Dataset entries
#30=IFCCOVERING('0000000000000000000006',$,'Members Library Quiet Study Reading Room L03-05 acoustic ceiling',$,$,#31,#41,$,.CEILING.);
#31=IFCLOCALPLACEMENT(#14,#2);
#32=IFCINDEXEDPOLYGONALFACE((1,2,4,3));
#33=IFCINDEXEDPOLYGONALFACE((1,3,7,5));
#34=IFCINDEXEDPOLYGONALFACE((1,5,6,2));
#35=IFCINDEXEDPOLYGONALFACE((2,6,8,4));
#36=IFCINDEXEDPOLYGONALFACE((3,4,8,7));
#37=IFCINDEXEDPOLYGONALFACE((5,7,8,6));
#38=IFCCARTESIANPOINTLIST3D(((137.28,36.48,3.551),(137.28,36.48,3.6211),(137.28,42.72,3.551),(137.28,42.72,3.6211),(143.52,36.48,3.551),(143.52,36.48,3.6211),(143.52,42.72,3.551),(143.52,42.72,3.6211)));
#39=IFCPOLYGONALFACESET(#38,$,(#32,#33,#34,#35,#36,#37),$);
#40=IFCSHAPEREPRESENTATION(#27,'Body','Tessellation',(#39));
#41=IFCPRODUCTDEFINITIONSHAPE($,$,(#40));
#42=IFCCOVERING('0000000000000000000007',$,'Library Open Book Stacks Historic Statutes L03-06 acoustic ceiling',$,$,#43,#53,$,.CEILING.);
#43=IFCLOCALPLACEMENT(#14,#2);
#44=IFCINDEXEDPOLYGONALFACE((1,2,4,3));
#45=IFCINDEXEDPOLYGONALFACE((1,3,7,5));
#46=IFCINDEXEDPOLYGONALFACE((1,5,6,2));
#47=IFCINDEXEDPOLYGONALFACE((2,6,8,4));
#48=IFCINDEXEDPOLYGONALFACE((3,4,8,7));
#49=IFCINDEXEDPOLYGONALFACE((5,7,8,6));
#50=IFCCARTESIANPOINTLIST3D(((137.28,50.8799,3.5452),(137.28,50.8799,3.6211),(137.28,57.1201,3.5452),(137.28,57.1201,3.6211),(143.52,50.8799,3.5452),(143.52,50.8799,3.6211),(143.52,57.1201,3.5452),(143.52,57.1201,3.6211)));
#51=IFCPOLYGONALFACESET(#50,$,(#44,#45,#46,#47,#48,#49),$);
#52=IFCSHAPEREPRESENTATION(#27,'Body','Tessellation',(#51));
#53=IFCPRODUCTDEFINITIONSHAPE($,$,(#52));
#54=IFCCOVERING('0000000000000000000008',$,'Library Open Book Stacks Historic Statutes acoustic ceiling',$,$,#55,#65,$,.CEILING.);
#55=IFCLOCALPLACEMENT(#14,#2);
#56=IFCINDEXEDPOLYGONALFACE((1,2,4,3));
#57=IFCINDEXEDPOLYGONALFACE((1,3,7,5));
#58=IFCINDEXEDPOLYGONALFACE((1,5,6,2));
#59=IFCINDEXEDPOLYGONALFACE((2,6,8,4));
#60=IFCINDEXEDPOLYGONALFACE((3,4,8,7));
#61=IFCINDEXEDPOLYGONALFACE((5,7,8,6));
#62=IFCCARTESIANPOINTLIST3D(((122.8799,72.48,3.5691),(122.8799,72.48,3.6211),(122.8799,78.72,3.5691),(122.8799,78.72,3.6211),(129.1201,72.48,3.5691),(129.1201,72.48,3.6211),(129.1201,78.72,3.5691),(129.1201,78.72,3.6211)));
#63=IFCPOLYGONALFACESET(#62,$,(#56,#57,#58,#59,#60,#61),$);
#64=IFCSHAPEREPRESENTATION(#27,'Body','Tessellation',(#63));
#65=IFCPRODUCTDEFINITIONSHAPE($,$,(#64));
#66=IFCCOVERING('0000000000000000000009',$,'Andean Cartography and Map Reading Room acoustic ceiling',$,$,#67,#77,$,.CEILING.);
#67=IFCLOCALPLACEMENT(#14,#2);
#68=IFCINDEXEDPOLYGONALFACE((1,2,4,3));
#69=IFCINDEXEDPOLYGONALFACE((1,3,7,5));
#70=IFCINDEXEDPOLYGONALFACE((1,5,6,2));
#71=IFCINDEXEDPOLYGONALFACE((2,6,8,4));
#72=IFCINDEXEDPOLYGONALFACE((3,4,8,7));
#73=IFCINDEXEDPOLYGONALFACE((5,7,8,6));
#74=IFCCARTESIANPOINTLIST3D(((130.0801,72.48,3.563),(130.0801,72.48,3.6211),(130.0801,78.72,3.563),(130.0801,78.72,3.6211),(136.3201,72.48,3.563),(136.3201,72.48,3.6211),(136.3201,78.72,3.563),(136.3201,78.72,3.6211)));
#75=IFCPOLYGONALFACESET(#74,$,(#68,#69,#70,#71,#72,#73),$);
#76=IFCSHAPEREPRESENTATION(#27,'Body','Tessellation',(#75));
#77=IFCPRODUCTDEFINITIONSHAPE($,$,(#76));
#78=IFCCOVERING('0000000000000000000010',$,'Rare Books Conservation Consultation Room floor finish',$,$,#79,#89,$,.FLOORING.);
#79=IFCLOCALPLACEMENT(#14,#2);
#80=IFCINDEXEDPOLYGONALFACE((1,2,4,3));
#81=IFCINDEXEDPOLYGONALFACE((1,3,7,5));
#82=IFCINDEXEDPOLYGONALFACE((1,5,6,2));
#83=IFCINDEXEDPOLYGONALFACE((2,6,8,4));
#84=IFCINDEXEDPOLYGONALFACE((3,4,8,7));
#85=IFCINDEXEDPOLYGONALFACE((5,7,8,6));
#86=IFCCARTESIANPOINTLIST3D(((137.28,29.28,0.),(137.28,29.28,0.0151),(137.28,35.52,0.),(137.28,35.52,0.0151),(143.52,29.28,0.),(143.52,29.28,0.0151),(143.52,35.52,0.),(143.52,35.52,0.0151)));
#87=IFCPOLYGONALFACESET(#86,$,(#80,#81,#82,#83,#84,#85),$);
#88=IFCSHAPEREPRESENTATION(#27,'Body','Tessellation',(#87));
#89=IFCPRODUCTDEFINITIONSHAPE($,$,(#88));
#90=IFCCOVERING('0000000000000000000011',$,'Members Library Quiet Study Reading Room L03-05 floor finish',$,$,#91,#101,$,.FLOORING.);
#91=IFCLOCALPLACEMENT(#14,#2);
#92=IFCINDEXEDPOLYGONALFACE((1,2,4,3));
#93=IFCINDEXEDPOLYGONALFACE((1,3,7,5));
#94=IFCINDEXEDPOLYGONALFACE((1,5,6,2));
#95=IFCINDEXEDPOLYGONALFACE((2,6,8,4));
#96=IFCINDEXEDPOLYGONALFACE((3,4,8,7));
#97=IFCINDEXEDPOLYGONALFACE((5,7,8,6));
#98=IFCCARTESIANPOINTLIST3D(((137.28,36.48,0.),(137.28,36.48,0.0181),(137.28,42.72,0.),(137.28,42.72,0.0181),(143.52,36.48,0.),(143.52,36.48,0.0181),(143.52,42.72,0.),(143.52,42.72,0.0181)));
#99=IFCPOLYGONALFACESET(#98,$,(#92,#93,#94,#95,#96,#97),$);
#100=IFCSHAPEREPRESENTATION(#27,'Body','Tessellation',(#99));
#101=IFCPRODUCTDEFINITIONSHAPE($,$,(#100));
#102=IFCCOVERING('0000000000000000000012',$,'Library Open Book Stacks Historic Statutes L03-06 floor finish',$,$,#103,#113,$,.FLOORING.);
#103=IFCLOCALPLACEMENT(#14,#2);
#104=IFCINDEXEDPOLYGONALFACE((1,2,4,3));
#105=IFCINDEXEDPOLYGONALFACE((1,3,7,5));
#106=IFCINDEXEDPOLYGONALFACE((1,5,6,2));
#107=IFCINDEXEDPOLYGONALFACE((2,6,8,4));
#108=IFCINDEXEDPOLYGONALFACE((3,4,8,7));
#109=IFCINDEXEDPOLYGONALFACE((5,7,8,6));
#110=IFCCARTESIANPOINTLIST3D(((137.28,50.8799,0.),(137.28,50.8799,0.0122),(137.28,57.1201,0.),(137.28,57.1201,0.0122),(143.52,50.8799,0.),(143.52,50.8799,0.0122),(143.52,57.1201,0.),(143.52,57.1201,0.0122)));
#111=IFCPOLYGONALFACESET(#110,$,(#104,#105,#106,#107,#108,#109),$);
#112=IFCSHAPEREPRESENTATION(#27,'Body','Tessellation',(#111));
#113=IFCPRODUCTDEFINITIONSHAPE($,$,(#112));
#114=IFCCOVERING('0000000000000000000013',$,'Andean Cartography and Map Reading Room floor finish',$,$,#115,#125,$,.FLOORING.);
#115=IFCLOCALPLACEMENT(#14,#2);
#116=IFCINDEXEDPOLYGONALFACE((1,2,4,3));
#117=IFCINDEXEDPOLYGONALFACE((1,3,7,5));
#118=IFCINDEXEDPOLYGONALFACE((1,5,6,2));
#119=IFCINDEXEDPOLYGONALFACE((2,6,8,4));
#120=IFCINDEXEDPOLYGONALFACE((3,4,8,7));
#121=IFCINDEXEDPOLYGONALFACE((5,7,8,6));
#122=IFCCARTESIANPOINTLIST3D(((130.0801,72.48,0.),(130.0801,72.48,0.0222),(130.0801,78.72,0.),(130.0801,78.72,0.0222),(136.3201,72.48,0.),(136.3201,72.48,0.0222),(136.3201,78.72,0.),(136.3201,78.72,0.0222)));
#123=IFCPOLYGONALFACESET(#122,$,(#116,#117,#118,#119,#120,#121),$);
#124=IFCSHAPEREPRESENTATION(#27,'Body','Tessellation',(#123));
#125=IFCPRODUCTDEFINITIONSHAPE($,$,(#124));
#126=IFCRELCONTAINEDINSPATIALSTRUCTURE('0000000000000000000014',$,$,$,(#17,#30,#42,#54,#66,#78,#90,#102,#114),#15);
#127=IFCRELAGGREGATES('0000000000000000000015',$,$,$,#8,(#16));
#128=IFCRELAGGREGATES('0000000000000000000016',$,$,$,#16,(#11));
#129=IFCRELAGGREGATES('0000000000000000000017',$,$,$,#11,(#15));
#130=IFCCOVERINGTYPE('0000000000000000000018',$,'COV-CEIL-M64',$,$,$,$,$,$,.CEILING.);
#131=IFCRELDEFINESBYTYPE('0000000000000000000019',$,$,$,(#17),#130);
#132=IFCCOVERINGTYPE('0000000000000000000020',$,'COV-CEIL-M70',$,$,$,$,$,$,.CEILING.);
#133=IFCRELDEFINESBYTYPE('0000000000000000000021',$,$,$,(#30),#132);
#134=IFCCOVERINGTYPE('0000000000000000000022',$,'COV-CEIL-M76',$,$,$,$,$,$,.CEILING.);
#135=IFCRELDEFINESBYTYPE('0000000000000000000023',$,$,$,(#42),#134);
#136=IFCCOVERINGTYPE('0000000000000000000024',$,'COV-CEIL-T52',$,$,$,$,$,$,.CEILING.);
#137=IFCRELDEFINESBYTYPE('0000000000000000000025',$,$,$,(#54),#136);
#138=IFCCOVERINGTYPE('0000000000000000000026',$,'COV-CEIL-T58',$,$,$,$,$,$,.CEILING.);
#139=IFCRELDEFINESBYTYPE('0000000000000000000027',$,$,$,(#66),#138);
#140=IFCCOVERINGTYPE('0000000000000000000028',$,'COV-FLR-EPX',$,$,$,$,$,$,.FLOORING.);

• YOUR GOAL:
If a line of the records above holds the string "Quiet", count it; then state only how many such lines there are.

• SOLVED EXERCISE:
2